DATA FOR REVIEW START

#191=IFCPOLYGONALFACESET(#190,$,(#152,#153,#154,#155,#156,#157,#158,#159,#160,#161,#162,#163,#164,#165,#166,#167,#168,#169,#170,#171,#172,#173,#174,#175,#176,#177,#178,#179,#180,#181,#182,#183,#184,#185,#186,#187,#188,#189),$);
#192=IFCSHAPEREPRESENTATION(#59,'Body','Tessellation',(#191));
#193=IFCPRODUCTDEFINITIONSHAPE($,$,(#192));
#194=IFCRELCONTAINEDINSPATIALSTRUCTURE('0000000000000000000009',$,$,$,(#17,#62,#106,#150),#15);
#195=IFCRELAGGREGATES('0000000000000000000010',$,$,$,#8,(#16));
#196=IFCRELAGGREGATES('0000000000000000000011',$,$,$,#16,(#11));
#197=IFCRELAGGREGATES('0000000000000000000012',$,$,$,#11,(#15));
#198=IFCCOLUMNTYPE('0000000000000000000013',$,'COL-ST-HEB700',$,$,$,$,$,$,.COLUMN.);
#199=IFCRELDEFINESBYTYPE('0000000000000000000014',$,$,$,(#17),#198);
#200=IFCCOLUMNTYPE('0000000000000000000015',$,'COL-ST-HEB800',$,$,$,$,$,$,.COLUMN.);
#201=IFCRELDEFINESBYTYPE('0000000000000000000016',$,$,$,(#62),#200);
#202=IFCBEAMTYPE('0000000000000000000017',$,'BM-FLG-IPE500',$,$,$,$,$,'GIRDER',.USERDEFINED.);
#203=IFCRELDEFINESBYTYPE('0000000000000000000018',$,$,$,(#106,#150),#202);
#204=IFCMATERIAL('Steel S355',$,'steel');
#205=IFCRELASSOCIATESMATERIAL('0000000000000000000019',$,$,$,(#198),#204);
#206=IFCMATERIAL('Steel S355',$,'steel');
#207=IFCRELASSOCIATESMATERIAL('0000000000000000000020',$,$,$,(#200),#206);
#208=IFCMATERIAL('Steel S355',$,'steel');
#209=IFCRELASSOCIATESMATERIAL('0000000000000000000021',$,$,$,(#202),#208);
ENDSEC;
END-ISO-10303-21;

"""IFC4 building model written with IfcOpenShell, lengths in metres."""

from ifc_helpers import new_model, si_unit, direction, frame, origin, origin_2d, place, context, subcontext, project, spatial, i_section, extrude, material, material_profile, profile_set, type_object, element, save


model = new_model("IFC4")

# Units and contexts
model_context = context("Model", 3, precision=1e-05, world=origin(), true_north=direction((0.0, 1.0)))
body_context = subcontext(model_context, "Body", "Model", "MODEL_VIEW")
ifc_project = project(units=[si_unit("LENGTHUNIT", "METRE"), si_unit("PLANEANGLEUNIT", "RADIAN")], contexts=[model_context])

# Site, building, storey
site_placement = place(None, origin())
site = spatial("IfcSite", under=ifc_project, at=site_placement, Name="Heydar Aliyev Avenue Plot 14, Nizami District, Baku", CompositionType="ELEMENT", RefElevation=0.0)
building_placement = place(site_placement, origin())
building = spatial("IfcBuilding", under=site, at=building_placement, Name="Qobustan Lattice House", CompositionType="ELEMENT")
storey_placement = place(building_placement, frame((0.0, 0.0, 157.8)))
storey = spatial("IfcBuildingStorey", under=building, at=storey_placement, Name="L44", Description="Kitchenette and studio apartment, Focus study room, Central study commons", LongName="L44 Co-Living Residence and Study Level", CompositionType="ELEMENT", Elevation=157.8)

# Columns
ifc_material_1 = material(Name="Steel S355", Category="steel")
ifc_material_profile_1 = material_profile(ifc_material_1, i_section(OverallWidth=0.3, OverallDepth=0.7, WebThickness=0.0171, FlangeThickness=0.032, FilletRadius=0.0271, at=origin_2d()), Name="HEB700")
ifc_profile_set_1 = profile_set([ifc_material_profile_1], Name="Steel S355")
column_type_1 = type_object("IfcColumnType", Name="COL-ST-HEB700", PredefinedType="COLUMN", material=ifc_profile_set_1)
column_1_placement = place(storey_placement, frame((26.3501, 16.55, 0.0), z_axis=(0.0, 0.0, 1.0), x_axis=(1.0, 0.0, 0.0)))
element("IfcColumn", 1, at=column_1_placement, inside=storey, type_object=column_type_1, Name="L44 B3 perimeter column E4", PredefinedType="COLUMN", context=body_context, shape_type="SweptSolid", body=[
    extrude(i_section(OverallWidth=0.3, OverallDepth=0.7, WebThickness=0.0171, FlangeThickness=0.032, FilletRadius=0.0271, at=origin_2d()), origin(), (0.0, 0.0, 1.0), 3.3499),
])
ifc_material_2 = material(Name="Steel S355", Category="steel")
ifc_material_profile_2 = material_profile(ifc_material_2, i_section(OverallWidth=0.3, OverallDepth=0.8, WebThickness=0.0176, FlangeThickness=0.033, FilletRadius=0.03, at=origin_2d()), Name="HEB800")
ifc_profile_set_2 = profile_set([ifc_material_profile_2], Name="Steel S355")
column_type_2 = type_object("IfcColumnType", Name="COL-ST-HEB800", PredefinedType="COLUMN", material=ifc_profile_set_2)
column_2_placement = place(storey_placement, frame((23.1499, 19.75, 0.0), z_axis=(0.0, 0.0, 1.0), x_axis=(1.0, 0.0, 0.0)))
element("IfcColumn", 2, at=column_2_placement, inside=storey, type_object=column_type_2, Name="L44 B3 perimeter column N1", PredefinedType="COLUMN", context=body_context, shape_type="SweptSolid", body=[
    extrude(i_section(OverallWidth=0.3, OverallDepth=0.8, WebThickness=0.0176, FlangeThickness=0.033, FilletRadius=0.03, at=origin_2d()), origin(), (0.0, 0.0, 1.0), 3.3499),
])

DATA FOR REVIEW END
DATA FOR REVIEW START

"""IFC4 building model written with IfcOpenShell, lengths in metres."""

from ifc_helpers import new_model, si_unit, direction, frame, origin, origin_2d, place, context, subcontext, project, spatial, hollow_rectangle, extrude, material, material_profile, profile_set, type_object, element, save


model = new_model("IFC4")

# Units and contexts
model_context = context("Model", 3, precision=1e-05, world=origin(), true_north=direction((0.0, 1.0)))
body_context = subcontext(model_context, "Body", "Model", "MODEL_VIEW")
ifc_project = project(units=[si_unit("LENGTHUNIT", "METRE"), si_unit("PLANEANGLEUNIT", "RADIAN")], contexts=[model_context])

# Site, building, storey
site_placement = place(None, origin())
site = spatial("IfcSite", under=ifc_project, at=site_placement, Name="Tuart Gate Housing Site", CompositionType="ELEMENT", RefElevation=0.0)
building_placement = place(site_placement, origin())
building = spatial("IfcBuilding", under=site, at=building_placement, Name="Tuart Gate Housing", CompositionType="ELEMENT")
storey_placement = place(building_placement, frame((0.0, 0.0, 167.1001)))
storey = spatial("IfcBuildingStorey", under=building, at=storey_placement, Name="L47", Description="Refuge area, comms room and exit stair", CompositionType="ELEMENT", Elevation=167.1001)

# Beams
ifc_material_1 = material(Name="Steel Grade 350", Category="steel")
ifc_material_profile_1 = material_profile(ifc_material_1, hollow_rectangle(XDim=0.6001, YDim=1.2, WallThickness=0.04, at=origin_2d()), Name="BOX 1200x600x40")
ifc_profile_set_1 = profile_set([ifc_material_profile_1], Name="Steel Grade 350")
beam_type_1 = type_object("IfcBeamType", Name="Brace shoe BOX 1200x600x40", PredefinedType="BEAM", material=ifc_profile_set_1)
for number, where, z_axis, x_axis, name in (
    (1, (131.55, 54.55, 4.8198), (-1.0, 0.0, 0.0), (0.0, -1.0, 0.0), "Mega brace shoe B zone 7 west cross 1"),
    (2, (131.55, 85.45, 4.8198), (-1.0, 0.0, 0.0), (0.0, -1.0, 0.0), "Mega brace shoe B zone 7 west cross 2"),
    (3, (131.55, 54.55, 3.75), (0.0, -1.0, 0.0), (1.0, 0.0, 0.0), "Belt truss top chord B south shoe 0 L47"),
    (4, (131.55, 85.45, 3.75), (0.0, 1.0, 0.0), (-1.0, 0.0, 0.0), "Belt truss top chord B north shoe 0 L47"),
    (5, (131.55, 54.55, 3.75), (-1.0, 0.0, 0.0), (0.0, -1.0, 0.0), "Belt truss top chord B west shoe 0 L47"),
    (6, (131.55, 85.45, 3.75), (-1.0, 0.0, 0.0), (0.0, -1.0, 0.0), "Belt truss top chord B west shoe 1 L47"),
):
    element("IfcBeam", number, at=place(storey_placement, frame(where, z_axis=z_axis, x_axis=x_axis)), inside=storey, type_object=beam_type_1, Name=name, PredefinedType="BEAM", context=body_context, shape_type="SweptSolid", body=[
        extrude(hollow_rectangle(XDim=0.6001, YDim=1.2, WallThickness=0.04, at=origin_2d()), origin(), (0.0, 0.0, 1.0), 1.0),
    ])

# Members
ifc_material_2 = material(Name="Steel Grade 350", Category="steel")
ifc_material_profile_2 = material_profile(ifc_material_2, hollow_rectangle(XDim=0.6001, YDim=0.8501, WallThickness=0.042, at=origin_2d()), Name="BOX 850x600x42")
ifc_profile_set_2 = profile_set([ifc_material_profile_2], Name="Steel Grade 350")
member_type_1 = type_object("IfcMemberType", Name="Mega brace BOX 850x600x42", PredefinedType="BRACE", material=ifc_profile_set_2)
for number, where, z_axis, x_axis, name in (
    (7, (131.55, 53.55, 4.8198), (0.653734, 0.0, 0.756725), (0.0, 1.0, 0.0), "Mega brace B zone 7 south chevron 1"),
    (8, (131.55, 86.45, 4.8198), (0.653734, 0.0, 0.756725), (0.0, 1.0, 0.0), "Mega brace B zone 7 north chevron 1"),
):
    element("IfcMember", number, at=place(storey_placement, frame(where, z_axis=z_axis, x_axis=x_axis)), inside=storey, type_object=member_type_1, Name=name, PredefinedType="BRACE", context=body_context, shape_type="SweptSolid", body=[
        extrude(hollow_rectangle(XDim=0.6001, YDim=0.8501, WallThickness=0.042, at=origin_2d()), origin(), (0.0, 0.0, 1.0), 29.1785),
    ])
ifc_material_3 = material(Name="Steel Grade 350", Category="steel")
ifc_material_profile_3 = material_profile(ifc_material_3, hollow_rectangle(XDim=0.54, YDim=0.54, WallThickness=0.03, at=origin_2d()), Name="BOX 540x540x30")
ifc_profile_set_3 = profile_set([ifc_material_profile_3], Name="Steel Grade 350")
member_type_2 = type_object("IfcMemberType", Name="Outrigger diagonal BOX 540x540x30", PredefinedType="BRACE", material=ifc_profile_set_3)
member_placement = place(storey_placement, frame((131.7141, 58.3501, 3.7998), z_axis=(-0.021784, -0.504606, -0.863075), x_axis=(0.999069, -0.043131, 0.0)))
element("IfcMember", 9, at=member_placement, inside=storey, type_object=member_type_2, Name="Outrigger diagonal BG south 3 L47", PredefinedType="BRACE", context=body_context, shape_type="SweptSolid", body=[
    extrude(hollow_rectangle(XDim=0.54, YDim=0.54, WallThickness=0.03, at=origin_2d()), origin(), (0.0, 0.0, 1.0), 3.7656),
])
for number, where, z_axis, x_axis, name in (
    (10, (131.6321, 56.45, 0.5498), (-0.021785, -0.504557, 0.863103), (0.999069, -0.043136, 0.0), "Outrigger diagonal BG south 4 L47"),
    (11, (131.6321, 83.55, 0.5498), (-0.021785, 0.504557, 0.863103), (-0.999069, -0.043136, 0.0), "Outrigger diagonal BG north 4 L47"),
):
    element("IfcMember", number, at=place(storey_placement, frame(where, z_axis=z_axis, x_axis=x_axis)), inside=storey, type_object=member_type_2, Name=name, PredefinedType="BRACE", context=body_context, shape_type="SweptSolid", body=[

DATA FOR REVIEW END

* TASK DESCRIPTION *
Show me each line of the listing above with "under" in it.

* SOLUTION TO THIS PROBLEM *
site = spatial("IfcSite", under=ifc_project, at=site_placement, Name="Heydar Aliyev Avenue Plot 14, Nizami District, Baku", CompositionType="ELEMENT", RefElevation=0.0)
building = spatial("IfcBuilding", under=site, at=building_placement, Name="Qobustan Lattice House", CompositionType="ELEMENT")
storey = spatial("IfcBuildingStorey", under=building, at=storey_placement, Name="L44", Description="Kitchenette and studio apartment, Focus study room, Central study commons", LongName="L44 Co-Living Residence and Study Level", CompositionType="ELEMENT", Elevation=157.8)
site = spatial("IfcSite", under=ifc_project, at=site_placement, Name="Tuart Gate Housing Site", CompositionType="ELEMENT", RefElevation=0.0)
building = spatial("IfcBuilding", under=site, at=building_placement, Name="Tuart Gate Housing", CompositionType="ELEMENT")
storey = spatial("IfcBuildingStorey", under=building, at=storey_placement, Name="L47", Description="Refuge area, comms room and exit stair", CompositionType="ELEMENT", Elevation=167.1001)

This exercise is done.